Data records
+ + + + +
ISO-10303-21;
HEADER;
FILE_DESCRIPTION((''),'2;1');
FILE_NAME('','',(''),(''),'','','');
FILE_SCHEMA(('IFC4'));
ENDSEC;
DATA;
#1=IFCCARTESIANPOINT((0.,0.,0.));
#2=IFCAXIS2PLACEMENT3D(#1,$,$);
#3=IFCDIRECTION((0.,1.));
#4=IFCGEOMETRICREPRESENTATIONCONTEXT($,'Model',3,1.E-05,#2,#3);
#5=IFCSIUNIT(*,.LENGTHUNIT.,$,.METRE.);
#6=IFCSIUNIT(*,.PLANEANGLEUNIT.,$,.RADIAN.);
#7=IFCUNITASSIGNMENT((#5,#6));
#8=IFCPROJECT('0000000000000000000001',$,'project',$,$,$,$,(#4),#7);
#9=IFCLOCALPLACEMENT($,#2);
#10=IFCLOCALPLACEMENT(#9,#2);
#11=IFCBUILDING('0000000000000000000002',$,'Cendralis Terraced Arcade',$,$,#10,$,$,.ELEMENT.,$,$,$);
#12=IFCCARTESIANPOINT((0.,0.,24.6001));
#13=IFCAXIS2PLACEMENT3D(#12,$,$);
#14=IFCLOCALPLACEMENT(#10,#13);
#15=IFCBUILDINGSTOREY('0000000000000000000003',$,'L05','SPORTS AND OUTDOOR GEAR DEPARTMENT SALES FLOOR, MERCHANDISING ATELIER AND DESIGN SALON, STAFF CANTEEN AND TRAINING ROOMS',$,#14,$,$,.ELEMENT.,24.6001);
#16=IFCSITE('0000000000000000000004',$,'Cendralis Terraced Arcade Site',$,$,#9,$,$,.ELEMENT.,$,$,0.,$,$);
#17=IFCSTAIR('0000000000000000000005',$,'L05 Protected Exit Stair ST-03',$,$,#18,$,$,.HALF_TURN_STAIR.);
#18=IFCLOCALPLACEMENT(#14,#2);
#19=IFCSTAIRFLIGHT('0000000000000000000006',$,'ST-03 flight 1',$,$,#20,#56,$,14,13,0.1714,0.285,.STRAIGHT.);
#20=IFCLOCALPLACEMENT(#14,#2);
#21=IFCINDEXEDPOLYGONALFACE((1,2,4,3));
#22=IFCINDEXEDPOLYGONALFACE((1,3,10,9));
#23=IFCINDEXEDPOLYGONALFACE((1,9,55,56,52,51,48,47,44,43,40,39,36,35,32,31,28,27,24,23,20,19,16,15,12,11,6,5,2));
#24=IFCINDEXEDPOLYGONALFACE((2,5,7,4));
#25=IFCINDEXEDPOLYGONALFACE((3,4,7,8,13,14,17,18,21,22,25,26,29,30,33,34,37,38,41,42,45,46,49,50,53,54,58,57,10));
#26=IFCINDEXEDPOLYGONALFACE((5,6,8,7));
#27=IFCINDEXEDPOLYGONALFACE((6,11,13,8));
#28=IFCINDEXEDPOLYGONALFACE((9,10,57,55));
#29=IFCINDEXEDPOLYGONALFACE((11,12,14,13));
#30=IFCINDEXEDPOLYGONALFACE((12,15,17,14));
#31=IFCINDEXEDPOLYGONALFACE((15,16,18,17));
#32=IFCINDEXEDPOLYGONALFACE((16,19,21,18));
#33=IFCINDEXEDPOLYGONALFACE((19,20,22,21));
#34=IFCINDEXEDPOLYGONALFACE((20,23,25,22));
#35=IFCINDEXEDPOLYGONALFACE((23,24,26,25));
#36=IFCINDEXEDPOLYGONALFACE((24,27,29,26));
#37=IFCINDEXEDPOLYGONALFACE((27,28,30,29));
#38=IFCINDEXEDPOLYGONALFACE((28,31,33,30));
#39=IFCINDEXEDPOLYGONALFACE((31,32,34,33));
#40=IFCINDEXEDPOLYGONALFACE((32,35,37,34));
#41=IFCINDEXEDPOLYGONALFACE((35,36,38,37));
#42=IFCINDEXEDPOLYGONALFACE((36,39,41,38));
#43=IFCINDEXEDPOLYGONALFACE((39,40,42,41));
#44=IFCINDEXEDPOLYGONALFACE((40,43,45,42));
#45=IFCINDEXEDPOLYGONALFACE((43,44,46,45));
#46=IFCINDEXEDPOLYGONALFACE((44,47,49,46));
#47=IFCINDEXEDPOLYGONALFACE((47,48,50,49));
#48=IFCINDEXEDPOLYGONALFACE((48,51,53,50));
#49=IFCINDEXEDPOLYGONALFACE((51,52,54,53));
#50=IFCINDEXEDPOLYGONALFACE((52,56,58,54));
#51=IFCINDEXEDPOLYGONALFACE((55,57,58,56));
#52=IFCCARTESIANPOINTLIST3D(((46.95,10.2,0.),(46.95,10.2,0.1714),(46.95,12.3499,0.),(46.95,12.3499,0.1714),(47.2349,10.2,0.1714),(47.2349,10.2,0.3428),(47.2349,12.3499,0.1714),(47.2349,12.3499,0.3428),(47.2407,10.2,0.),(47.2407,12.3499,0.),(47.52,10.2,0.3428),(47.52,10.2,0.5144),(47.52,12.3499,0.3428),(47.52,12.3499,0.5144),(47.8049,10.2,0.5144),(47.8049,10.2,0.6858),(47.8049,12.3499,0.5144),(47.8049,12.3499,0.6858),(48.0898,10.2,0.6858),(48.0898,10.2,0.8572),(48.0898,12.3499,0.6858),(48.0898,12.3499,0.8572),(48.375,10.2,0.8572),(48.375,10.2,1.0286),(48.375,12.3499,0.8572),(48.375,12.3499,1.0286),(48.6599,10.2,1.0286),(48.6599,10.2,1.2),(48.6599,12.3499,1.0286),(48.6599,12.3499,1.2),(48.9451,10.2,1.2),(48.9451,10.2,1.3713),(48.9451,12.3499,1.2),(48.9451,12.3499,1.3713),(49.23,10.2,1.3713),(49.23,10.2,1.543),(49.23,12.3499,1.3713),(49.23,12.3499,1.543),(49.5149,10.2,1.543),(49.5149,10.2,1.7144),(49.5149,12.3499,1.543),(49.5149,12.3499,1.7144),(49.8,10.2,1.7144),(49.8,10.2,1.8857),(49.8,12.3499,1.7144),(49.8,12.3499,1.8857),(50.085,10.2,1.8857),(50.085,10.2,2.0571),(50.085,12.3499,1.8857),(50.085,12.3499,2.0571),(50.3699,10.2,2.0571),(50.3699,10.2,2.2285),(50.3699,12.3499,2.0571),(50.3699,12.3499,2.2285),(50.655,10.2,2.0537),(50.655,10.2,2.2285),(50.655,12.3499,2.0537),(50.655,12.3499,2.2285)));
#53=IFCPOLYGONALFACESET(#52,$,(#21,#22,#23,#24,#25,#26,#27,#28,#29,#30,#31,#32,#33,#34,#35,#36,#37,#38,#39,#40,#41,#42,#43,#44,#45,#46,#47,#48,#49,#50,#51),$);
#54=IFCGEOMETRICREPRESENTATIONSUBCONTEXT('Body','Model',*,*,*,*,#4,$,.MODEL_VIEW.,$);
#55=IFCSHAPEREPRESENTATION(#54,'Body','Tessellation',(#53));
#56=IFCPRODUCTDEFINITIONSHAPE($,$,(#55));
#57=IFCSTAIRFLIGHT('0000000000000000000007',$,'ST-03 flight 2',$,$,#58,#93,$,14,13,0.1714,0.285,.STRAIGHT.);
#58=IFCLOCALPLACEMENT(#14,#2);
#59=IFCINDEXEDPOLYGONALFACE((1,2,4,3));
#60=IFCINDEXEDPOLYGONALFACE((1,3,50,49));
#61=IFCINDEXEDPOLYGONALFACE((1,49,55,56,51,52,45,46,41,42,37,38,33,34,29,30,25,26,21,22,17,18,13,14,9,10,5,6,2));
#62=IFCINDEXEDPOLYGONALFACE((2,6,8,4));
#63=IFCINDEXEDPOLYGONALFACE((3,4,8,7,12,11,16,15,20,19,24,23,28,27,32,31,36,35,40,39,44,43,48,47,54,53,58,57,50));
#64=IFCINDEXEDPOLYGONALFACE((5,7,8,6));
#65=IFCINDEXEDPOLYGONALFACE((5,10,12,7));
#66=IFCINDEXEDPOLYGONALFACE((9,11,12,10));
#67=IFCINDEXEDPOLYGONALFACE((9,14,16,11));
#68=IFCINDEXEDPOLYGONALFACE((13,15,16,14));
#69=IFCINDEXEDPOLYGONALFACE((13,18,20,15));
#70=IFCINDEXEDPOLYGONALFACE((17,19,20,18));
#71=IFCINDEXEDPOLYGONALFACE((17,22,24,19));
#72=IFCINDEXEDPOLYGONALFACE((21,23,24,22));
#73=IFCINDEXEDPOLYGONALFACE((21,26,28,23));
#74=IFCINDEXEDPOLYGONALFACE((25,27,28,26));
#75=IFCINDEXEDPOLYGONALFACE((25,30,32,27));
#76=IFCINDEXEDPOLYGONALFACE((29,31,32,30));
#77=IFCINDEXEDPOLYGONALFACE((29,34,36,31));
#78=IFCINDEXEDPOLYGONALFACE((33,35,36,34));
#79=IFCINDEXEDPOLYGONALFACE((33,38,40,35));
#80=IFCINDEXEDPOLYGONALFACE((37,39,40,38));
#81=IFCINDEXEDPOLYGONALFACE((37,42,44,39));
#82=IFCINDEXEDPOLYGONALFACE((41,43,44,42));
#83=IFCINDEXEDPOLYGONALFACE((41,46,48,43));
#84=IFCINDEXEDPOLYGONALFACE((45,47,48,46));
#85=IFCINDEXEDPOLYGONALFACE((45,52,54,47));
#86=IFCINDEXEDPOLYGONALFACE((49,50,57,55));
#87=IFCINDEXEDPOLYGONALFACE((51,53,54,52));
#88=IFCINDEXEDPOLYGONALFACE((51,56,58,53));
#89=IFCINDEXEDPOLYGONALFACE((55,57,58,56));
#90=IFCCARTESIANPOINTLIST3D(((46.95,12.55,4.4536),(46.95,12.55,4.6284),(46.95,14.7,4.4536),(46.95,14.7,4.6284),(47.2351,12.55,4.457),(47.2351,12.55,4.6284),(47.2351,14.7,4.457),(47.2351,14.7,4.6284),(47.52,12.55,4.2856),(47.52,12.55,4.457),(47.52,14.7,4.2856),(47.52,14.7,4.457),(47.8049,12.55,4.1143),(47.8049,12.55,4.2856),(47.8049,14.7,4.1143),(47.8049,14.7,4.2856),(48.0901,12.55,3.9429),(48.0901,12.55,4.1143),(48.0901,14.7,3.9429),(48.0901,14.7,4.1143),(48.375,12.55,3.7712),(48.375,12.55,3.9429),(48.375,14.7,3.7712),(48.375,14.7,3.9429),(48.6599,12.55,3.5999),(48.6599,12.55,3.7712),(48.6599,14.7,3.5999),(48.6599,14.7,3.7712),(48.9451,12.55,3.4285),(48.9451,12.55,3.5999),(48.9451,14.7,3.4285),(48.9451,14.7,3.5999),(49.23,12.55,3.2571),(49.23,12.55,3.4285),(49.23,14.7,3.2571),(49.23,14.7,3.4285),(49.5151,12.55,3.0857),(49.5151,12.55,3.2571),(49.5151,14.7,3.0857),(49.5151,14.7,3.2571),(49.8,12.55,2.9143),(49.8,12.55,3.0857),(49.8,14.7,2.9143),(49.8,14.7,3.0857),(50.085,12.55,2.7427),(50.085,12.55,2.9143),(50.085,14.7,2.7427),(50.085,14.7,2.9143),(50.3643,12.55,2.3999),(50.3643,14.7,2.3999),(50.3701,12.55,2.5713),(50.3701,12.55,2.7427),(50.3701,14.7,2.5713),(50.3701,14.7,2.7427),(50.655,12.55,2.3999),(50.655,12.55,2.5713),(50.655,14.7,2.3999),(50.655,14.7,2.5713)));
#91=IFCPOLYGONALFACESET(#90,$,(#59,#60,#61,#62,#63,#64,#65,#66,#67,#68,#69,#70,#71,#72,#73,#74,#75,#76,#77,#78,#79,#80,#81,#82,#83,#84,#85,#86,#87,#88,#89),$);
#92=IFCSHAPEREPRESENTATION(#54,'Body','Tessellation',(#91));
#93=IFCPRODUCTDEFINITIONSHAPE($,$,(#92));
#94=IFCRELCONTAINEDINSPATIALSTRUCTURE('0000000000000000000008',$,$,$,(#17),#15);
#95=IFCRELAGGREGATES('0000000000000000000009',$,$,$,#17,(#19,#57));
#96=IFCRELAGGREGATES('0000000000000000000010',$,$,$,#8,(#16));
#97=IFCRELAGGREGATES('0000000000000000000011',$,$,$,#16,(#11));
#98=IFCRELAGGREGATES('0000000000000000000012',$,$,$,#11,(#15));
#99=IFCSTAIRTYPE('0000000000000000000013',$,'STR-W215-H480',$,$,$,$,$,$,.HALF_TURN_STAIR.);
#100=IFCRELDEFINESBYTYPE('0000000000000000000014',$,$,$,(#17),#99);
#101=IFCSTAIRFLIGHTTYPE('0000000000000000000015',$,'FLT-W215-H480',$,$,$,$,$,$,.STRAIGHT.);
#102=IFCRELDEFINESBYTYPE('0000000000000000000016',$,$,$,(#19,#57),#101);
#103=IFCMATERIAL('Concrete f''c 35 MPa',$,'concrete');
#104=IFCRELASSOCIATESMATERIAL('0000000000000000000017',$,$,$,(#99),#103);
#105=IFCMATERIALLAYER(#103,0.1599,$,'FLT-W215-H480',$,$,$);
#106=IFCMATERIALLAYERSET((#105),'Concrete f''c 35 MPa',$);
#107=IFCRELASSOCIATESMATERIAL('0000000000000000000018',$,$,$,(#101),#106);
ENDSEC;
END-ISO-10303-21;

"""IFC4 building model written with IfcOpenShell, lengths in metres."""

from ifc_helpers import new_model, si_unit, direction, frame, origin, place, context, subcontext, project, spatial, polyline, outline, extrude, material, layer, layer_set, type_object, element, aggregate, save


model = new_model("IFC4")

# Units and contexts
model_context = context("Model", 3, precision=1e-05, world=origin(), true_north=direction((0.0, 1.0)))
body_context = subcontext(model_context, "Body", "Model", "MODEL_VIEW")
ifc_project = project(units=[si_unit("LENGTHUNIT", "METRE"), si_unit("PLANEANGLEUNIT", "RADIAN")], contexts=[model_context])

# Site, building, storey
site_placement = place(None, origin())
site = spatial("IfcSite", under=ifc_project, at=site_placement, Name="Cendralis Terraced Arcade Site", CompositionType="ELEMENT", RefElevation=0.0)
building_placement = place(site_placement, origin())
building = spatial("IfcBuilding", under=site, at=building_placement, Name="Cendralis Terraced Arcade", CompositionType="ELEMENT")
storey_placement = place(building_placement, frame((0.0, 0.0, 24.6001)))
storey = spatial("IfcBuildingStorey", under=building, at=storey_placement, Name="L05", Description="SPORTS AND OUTDOOR GEAR DEPARTMENT SALES FLOOR, MERCHANDISING ATELIER AND DESIGN SALON, STAFF CANTEEN AND TRAINING ROOMS", CompositionType="ELEMENT", Elevation=24.6001)

# Stair, stair flights
ifc_material_1 = material(Name="Concrete f'c 35 MPa", Category="concrete")
stair_type = type_object("IfcStairType", Name="STR-W215-H480", PredefinedType="HALF_TURN_STAIR", material=ifc_material_1)
stair_placement = place(storey_placement, origin())
stair = element("IfcStair", 1, at=stair_placement, inside=storey, type_object=stair_type, Name="L05 Protected Exit Stair ST-03", PredefinedType="HALF_TURN_STAIR")
ifc_layer_1 = layer(ifc_material_1, 0.1599, Name="FLT-W215-H480")
ifc_layer_set_1 = layer_set([ifc_layer_1], Name="Concrete f'c 35 MPa")
stair_flight_type = type_object("IfcStairFlightType", Name="FLT-W215-H480", PredefinedType="STRAIGHT", material=ifc_layer_set_1)
stair_flight_1_placement = place(storey_placement, frame((46.95, 11.2749, 0.0), z_axis=(0.0, 0.0, 1.0), x_axis=(1.0, 0.0, 0.0)))
stair_flight_1 = element("IfcStairFlight", 2, at=stair_flight_1_placement, type_object=stair_flight_type, Name="ST-03 flight 1", NumberOfRisers=14, NumberOfTreads=13, PredefinedType="STRAIGHT", RiserHeight=0.1714, TreadLength=0.285, context=body_context, shape_type="SweptSolid", body=[
    extrude(outline(polyline([(0.0, 0.0), (0.0, 0.1714), (0.2849, 0.1714), (0.2849, 0.3428), (0.5701, 0.3428), (0.5701, 0.5144), (0.855, 0.5144), (0.855, 0.6858), (1.1399, 0.6858), (1.1399, 0.8572), (1.425, 0.8572), (1.425, 1.0286), (1.71, 1.0286), (1.71, 1.2), (1.9951, 1.2), (1.9951, 1.3713), (2.28, 1.3713), (2.28, 1.543), (2.5649, 1.543), (2.5649, 1.7144), (2.8501, 1.7144), (2.8501, 1.8857), (3.135, 1.8857), (3.135, 2.0571), (3.4199, 2.0571), (3.4199, 2.2285), (3.7051, 2.2285), (3.7051, 2.3999), (3.7051, 2.0537), (0.2908, 0.0), (0.0, 0.0)])), frame((0.0, 1.075, 0.0), z_axis=(0.0, -1.0, 0.0), x_axis=(1.0, 0.0, 0.0)), (0.0, 0.0, 1.0), 2.1499),
])
stair_flight_2_placement = place(storey_placement, frame((50.655, 13.625, 2.3999), z_axis=(0.0, 0.0, 1.0), x_axis=(-1.0, 0.0, 0.0)))
stair_flight_2 = element("IfcStairFlight", 3, at=stair_flight_2_placement, type_object=stair_flight_type, Name="ST-03 flight 2", NumberOfRisers=14, NumberOfTreads=13, PredefinedType="STRAIGHT", RiserHeight=0.1714, TreadLength=0.285, context=body_context, shape_type="SweptSolid", body=[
+ + + + +
§ **WORK TO BE COMPLETED**
Copy out only the lines above from the one with "#82=IFCINDEXEDPOLYGONALFACE((41,43,44,42));" to the one with "#96=IFCRELAGGREGATES('0000000000000000000010',$,$,$,#8,(#16));", inclusive, exactly as they stand.

§ **COMPLETED EXERCISE**
#82=IFCINDEXEDPOLYGONALFACE((41,43,44,42));
#83=IFCINDEXEDPOLYGONALFACE((41,46,48,43));
#84=IFCINDEXEDPOLYGONALFACE((45,47,48,46));
#85=IFCINDEXEDPOLYGONALFACE((45,52,54,47));
#86=IFCINDEXEDPOLYGONALFACE((49,50,57,55));
#87=IFCINDEXEDPOLYGONALFACE((51,53,54,52));
#88=IFCINDEXEDPOLYGONALFACE((51,56,58,53));
#89=IFCINDEXEDPOLYGONALFACE((55,57,58,56));
#90=IFCCARTESIANPOINTLIST3D(((46.95,12.55,4.4536),(46.95,12.55,4.6284),(46.95,14.7,4.4536),(46.95,14.7,4.6284),(47.2351,12.55,4.457),(47.2351,12.55,4.6284),(47.2351,14.7,4.457),(47.2351,14.7,4.6284),(47.52,12.55,4.2856),(47.52,12.55,4.457),(47.52,14.7,4.2856),(47.52,14.7,4.457),(47.8049,12.55,4.1143),(47.8049,12.55,4.2856),(47.8049,14.7,4.1143),(47.8049,14.7,4.2856),(48.0901,12.55,3.9429),(48.0901,12.55,4.1143),(48.0901,14.7,3.9429),(48.0901,14.7,4.1143),(48.375,12.55,3.7712),(48.375,12.55,3.9429),(48.375,14.7,3.7712),(48.375,14.7,3.9429),(48.6599,12.55,3.5999),(48.6599,12.55,3.7712),(48.6599,14.7,3.5999),(48.6599,14.7,3.7712),(48.9451,12.55,3.4285),(48.9451,12.55,3.5999),(48.9451,14.7,3.4285),(48.9451,14.7,3.5999),(49.23,12.55,3.2571),(49.23,12.55,3.4285),(49.23,14.7,3.2571),(49.23,14.7,3.4285),(49.5151,12.55,3.0857),(49.5151,12.55,3.2571),(49.5151,14.7,3.0857),(49.5151,14.7,3.2571),(49.8,12.55,2.9143),(49.8,12.55,3.0857),(49.8,14.7,2.9143),(49.8,14.7,3.0857),(50.085,12.55,2.7427),(50.085,12.55,2.9143),(50.085,14.7,2.7427),(50.085,14.7,2.9143),(50.3643,12.55,2.3999),(50.3643,14.7,2.3999),(50.3701,12.55,2.5713),(50.3701,12.55,2.7427),(50.3701,14.7,2.5713),(50.3701,14.7,2.7427),(50.655,12.55,2.3999),(50.655,12.55,2.5713),(50.655,14.7,2.3999),(50.655,14.7,2.5713)));
#91=IFCPOLYGONALFACESET(#90,$,(#59,#60,#61,#62,#63,#64,#65,#66,#67,#68,#69,#70,#71,#72,#73,#74,#75,#76,#77,#78,#79,#80,#81,#82,#83,#84,#85,#86,#87,#88,#89),$);
#92=IFCSHAPEREPRESENTATION(#54,'Body','Tessellation',(#91));
#93=IFCPRODUCTDEFINITIONSHAPE($,$,(#92));
#94=IFCRELCONTAINEDINSPATIALSTRUCTURE('0000000000000000000008',$,$,$,(#17),#15);
#95=IFCRELAGGREGATES('0000000000000000000009',$,$,$,#17,(#19,#57));
#96=IFCRELAGGREGATES('0000000000000000000010',$,$,$,#8,(#16));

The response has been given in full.